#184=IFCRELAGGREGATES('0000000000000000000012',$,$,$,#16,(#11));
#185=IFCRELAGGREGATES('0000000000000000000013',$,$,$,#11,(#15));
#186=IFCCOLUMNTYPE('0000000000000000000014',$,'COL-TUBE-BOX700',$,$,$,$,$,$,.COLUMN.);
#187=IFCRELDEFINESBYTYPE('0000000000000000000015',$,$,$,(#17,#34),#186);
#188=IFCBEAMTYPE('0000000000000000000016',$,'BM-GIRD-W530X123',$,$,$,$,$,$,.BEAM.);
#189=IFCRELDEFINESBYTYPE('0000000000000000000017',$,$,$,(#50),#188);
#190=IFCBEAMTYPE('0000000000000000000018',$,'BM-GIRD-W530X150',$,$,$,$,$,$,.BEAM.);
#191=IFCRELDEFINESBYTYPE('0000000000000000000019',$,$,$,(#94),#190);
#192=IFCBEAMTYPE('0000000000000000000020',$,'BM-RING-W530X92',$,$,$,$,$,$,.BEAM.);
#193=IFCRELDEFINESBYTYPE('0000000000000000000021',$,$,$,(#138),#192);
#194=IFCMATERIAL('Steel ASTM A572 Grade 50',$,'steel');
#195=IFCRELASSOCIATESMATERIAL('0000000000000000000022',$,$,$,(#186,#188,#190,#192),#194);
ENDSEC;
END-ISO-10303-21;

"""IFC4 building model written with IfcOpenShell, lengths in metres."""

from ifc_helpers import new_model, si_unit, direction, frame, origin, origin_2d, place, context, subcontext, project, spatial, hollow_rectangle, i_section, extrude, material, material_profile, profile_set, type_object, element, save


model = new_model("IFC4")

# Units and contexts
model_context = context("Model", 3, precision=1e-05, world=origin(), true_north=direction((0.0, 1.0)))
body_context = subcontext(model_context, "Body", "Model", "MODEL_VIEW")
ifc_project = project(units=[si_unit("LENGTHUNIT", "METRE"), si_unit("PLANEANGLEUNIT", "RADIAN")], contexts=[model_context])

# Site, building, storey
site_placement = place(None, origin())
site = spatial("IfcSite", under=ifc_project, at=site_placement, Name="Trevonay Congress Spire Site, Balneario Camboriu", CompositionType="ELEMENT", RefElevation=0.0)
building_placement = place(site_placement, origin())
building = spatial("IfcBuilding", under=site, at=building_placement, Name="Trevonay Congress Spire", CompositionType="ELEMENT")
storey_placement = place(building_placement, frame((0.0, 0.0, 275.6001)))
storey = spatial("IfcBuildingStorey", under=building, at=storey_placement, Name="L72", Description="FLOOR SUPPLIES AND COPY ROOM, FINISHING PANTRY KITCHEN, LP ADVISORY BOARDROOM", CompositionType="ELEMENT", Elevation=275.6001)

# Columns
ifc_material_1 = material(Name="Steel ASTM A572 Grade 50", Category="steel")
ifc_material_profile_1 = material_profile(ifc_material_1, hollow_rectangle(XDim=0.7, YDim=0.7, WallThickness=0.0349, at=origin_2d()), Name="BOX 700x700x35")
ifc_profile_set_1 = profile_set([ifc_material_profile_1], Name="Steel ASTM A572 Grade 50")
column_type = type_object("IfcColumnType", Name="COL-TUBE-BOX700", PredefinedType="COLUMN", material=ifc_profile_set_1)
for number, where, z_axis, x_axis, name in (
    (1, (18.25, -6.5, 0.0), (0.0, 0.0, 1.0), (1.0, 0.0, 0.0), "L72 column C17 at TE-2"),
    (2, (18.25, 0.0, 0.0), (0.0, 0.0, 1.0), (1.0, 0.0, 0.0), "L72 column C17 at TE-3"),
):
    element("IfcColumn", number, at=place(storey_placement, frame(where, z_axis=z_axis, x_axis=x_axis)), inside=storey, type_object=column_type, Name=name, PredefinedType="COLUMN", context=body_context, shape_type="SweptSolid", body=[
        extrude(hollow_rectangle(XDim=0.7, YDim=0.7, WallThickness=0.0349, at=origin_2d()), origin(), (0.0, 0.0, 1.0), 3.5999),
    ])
======
### About this task
Line count for "ASTM": say how many lines of the entries above include that word, and give only the number.

### Exercise solution
3